**Problem requirements**: Only the stretch of the listing below that runs from the line with "#112=IFCINDEXEDPOLYGONALFACE((4,40,72,36));" through the line with "#9=IFCLOCALPLACEMENT($,#2);" is to be printed, exactly and with both ends.

**Material for the task**:
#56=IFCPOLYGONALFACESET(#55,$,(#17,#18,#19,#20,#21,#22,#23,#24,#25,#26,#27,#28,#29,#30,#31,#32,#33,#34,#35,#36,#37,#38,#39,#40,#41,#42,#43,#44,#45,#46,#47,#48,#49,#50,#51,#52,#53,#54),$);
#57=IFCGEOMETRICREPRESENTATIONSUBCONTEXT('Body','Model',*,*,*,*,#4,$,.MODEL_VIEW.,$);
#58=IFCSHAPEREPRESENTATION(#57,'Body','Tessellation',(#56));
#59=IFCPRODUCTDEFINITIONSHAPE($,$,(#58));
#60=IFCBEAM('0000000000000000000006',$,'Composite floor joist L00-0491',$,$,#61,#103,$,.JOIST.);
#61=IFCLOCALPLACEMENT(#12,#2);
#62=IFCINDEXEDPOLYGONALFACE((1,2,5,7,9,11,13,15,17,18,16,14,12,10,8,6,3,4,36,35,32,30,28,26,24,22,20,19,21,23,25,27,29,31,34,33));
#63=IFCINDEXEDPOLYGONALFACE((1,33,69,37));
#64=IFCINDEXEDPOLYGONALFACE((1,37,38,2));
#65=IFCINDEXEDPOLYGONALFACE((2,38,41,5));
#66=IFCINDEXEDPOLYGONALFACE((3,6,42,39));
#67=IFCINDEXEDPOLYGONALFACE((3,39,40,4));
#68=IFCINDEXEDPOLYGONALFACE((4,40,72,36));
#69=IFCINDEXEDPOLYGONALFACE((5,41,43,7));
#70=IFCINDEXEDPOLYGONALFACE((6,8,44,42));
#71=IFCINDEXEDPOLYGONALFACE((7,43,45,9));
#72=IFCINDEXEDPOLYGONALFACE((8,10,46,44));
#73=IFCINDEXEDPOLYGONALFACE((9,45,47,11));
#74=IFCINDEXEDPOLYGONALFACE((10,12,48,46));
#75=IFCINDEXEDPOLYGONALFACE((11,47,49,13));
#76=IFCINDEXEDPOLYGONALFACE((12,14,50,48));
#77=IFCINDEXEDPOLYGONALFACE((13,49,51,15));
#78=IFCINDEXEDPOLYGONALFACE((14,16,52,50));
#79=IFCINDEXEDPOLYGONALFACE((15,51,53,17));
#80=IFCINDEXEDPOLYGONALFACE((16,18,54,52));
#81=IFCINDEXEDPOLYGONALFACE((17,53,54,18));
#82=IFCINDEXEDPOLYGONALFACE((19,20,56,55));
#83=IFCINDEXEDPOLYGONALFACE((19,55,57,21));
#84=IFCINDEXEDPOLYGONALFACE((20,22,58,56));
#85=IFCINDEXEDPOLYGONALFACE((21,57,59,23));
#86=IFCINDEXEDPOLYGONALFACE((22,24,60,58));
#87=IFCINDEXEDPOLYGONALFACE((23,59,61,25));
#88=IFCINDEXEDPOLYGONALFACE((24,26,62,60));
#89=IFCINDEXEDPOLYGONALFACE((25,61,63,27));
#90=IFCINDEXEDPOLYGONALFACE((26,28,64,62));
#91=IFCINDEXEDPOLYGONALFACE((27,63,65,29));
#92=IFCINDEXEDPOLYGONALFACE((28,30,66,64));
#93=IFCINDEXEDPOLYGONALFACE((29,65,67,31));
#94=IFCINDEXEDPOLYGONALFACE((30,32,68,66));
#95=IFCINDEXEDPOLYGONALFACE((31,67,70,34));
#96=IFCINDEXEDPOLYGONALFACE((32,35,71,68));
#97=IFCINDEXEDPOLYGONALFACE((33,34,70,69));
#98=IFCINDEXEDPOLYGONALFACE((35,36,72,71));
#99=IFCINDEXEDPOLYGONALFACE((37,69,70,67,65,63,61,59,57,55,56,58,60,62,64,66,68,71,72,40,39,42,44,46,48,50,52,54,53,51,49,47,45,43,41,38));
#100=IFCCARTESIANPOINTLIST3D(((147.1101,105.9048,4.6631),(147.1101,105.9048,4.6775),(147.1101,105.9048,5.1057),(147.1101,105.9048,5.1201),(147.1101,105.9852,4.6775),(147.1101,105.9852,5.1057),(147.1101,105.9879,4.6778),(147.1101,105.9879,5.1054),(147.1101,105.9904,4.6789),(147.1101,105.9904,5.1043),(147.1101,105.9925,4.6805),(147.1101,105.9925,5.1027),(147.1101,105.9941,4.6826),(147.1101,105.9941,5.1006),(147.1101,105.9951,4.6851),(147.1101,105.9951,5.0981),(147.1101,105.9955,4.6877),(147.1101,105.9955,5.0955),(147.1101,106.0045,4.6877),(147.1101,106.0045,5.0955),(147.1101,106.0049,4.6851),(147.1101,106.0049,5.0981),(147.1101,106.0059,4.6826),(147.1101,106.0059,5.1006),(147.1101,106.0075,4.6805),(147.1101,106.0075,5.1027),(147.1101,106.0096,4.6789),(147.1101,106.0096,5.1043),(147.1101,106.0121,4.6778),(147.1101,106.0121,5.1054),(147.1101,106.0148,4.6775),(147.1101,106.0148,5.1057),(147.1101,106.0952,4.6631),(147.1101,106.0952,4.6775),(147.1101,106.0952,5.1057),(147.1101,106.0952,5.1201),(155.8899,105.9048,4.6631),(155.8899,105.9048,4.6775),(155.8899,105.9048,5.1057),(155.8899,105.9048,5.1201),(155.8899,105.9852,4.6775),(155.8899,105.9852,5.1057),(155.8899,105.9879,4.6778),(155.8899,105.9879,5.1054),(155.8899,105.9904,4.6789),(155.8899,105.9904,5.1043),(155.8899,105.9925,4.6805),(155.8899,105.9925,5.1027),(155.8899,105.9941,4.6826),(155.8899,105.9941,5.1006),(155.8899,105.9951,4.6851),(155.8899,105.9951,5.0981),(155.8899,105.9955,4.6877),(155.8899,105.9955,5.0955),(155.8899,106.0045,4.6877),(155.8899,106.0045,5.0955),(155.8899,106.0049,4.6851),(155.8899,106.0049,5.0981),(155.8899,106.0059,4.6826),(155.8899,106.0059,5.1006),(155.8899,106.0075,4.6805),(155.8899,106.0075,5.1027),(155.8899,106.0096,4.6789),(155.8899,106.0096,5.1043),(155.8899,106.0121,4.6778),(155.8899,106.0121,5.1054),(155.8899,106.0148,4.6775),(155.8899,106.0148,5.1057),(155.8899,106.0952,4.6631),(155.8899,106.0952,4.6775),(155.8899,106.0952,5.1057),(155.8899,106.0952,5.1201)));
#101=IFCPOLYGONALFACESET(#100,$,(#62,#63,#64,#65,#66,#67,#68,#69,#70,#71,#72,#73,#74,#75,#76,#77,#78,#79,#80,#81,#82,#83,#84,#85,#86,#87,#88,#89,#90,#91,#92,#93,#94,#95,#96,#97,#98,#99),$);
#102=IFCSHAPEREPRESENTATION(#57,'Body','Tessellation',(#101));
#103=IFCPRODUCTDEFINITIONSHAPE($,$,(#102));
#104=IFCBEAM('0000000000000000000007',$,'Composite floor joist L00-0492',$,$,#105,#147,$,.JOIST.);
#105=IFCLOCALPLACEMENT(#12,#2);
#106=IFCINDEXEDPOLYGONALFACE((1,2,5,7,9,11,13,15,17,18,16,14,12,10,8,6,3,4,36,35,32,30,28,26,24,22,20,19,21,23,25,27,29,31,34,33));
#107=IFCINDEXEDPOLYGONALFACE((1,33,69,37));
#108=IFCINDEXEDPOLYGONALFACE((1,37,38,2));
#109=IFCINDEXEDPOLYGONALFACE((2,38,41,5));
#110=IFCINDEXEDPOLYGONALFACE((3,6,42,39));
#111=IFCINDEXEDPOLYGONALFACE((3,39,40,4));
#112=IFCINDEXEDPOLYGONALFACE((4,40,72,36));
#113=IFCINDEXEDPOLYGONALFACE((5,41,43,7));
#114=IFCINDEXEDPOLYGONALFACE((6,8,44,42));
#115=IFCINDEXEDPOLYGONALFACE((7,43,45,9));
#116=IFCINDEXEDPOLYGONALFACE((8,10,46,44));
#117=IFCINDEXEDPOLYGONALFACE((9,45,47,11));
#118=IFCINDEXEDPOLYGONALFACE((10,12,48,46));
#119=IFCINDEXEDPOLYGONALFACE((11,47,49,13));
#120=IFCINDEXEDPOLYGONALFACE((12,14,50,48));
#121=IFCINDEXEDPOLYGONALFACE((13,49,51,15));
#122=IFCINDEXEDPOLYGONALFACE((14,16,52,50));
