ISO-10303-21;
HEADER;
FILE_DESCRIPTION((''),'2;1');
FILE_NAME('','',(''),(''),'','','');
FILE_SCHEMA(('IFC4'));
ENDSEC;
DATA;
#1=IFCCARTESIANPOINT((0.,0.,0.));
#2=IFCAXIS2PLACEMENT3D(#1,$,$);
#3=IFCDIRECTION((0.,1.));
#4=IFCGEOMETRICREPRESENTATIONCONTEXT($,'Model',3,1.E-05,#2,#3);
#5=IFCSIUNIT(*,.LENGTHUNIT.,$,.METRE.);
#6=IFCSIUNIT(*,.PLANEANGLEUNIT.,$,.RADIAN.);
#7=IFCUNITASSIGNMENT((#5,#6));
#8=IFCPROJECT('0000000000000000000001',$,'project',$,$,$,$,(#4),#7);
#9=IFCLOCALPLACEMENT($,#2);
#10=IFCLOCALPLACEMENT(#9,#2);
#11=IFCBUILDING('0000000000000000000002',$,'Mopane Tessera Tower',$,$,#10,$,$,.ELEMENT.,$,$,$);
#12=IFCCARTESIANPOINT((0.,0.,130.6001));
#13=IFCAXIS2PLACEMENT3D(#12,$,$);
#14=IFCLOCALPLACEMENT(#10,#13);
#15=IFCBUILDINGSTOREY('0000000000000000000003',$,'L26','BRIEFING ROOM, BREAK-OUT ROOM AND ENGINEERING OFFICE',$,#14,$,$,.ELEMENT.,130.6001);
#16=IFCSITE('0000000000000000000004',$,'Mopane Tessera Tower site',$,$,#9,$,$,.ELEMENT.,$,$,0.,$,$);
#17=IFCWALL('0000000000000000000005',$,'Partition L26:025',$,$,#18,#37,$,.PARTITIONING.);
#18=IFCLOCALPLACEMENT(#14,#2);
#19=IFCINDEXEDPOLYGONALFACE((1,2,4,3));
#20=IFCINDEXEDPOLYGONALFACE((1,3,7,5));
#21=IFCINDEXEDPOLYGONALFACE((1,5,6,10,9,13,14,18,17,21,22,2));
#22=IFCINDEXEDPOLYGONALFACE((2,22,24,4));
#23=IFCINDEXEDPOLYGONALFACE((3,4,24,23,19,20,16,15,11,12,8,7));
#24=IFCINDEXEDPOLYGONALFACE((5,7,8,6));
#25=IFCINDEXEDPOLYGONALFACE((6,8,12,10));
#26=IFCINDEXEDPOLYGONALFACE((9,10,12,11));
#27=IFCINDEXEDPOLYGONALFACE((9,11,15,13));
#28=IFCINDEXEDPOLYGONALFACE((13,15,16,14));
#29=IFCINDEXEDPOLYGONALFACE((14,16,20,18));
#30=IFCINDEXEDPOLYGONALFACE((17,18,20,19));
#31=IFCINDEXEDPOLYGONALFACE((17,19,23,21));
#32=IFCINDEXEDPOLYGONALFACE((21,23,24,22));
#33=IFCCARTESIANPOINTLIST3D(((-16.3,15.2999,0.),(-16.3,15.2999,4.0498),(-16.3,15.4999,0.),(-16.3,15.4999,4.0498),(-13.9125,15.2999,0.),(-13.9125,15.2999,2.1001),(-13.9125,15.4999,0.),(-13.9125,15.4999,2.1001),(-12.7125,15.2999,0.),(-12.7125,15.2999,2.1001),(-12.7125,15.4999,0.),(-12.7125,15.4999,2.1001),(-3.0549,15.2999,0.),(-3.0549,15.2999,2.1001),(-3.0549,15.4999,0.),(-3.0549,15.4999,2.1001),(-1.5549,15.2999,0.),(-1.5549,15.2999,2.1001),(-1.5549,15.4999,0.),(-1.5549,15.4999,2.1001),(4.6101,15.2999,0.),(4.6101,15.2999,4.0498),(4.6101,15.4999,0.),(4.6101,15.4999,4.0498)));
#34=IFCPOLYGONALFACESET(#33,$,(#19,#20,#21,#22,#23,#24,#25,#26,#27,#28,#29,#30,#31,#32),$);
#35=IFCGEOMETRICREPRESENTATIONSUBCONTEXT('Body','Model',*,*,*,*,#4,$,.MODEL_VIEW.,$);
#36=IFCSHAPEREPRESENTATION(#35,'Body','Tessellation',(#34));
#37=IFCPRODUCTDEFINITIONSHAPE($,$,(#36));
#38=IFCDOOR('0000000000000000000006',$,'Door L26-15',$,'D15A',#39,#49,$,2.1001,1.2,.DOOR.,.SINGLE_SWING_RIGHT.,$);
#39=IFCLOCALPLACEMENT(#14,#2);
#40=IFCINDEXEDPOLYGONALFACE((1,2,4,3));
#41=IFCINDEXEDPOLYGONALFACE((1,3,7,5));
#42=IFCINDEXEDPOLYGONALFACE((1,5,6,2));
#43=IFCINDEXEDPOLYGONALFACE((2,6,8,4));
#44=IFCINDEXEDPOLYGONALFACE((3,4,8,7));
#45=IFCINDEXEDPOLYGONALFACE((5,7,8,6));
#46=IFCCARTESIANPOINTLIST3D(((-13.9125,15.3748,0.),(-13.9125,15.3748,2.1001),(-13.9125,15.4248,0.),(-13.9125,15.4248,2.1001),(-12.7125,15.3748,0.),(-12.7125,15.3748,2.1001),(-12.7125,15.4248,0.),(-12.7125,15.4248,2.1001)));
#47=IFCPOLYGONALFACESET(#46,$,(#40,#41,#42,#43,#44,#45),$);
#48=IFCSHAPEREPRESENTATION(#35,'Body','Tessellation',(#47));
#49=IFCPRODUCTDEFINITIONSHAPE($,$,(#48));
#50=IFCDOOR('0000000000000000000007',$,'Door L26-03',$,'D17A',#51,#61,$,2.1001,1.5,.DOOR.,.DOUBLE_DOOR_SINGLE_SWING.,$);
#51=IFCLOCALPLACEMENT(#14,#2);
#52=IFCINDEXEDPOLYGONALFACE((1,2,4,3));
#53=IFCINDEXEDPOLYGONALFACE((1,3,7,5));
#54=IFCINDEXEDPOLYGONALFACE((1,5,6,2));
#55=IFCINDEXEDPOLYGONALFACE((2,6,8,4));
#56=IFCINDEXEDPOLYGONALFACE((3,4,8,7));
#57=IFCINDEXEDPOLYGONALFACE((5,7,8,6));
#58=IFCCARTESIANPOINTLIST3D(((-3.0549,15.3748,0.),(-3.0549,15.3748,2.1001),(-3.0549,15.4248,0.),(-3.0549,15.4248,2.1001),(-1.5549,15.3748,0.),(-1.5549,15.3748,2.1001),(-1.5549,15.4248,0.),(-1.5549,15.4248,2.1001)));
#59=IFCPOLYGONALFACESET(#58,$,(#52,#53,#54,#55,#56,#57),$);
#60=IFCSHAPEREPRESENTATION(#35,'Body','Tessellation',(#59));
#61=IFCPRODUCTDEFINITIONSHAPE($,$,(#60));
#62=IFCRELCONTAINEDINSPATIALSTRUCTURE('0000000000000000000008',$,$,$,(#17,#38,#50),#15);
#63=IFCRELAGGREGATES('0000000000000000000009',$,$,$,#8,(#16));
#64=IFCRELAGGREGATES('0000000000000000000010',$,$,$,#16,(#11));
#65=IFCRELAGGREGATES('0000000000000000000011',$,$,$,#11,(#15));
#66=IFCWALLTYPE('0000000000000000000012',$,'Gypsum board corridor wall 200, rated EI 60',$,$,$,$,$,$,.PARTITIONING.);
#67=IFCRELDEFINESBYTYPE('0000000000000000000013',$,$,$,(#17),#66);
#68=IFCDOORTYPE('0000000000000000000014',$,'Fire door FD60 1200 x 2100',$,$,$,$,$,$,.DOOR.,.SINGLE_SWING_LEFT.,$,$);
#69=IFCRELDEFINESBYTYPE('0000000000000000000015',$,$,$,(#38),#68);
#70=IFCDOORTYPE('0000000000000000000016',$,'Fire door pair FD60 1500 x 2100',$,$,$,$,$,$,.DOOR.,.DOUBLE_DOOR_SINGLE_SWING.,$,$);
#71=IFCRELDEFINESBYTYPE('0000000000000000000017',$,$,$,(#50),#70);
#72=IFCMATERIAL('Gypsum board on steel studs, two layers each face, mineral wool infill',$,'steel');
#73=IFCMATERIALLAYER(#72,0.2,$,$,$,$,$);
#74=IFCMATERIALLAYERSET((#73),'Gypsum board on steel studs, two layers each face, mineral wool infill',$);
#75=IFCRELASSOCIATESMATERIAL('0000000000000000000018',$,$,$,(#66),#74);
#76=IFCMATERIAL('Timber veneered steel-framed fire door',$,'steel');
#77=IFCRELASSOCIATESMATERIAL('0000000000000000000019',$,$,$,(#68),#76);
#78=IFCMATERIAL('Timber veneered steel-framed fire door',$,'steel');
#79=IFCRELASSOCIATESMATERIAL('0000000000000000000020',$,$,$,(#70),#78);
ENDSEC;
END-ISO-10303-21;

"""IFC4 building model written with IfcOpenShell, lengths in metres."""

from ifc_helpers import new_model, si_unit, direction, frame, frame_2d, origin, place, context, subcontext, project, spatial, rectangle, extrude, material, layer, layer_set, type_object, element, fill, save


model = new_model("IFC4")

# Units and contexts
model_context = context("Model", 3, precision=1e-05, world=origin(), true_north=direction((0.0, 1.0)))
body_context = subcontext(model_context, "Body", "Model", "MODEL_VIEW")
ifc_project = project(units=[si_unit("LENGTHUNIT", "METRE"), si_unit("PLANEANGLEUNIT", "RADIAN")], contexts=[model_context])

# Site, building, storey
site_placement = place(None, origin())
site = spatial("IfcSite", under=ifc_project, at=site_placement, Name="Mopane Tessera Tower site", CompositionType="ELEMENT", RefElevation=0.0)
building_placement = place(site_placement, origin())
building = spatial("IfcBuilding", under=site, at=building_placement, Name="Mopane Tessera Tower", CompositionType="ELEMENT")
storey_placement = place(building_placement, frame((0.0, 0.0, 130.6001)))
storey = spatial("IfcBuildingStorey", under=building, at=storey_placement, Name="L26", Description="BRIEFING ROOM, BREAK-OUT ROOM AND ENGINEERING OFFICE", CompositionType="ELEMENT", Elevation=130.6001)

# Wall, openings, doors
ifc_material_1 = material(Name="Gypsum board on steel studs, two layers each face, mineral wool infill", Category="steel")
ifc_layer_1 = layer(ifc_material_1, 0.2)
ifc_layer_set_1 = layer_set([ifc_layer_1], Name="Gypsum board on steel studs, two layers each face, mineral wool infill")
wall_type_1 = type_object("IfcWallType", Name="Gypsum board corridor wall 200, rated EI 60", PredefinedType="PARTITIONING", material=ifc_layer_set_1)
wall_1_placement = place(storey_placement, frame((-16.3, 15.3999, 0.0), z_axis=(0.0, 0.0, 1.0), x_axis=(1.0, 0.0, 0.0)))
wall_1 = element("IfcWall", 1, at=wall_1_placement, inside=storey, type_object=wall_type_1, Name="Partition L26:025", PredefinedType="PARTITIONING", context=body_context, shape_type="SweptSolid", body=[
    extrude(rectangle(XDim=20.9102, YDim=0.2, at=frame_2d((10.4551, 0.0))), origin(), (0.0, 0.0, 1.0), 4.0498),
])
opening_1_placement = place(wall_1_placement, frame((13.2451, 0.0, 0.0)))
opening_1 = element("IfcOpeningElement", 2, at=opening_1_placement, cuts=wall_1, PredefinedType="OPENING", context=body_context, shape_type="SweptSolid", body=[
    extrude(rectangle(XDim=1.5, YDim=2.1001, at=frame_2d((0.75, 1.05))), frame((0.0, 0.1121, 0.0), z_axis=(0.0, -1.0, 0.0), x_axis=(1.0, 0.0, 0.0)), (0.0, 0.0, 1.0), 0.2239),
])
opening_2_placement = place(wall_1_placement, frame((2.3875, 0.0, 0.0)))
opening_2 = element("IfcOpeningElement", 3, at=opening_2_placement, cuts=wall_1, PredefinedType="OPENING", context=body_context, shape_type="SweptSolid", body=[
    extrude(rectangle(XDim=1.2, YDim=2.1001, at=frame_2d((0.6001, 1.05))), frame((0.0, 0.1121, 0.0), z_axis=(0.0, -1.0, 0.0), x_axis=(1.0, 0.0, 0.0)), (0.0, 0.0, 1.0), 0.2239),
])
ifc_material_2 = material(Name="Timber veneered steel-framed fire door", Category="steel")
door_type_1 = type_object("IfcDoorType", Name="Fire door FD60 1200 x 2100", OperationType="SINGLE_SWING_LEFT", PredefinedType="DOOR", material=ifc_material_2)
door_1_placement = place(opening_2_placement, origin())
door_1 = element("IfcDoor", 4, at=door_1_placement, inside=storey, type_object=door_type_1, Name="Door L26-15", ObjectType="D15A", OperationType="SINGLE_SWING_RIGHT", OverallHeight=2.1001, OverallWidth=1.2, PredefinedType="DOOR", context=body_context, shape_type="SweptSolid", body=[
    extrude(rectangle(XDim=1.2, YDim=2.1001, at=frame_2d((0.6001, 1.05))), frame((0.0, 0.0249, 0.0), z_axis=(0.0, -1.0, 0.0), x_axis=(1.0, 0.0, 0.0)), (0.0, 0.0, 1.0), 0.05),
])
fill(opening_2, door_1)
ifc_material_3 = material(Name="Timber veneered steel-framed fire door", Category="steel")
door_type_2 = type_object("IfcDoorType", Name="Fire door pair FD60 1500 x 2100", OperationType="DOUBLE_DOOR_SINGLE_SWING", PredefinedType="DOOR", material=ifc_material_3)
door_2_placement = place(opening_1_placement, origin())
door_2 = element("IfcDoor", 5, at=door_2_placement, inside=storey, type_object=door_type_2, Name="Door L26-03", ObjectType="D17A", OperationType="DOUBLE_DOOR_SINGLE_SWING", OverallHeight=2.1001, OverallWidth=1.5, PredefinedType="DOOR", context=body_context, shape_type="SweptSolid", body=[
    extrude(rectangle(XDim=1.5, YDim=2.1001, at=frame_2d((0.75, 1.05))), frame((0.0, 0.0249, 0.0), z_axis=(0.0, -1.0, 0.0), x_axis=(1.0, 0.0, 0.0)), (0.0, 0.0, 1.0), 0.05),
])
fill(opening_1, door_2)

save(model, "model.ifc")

**Solved problem**:
#112=IFCINDEXEDPOLYGONALFACE((4,40,72,36));
#113=IFCINDEXEDPOLYGONALFACE((5,41,43,7));
#114=IFCINDEXEDPOLYGONALFACE((6,8,44,42));
#115=IFCINDEXEDPOLYGONALFACE((7,43,45,9));
#116=IFCINDEXEDPOLYGONALFACE((8,10,46,44));
#117=IFCINDEXEDPOLYGONALFACE((9,45,47,11));
#118=IFCINDEXEDPOLYGONALFACE((10,12,48,46));
#119=IFCINDEXEDPOLYGONALFACE((11,47,49,13));
#120=IFCINDEXEDPOLYGONALFACE((12,14,50,48));
#121=IFCINDEXEDPOLYGONALFACE((13,49,51,15));
#122=IFCINDEXEDPOLYGONALFACE((14,16,52,50));
ISO-10303-21;
HEADER;
FILE_DESCRIPTION((''),'2;1');
FILE_NAME('','',(''),(''),'','','');
FILE_SCHEMA(('IFC4'));
ENDSEC;
DATA;
#1=IFCCARTESIANPOINT((0.,0.,0.));
#2=IFCAXIS2PLACEMENT3D(#1,$,$);
#3=IFCDIRECTION((0.,1.));
#4=IFCGEOMETRICREPRESENTATIONCONTEXT($,'Model',3,1.E-05,#2,#3);
#5=IFCSIUNIT(*,.LENGTHUNIT.,$,.METRE.);
#6=IFCSIUNIT(*,.PLANEANGLEUNIT.,$,.RADIAN.);
#7=IFCUNITASSIGNMENT((#5,#6));
#8=IFCPROJECT('0000000000000000000001',$,'project',$,$,$,$,(#4),#7);
#9=IFCLOCALPLACEMENT($,#2);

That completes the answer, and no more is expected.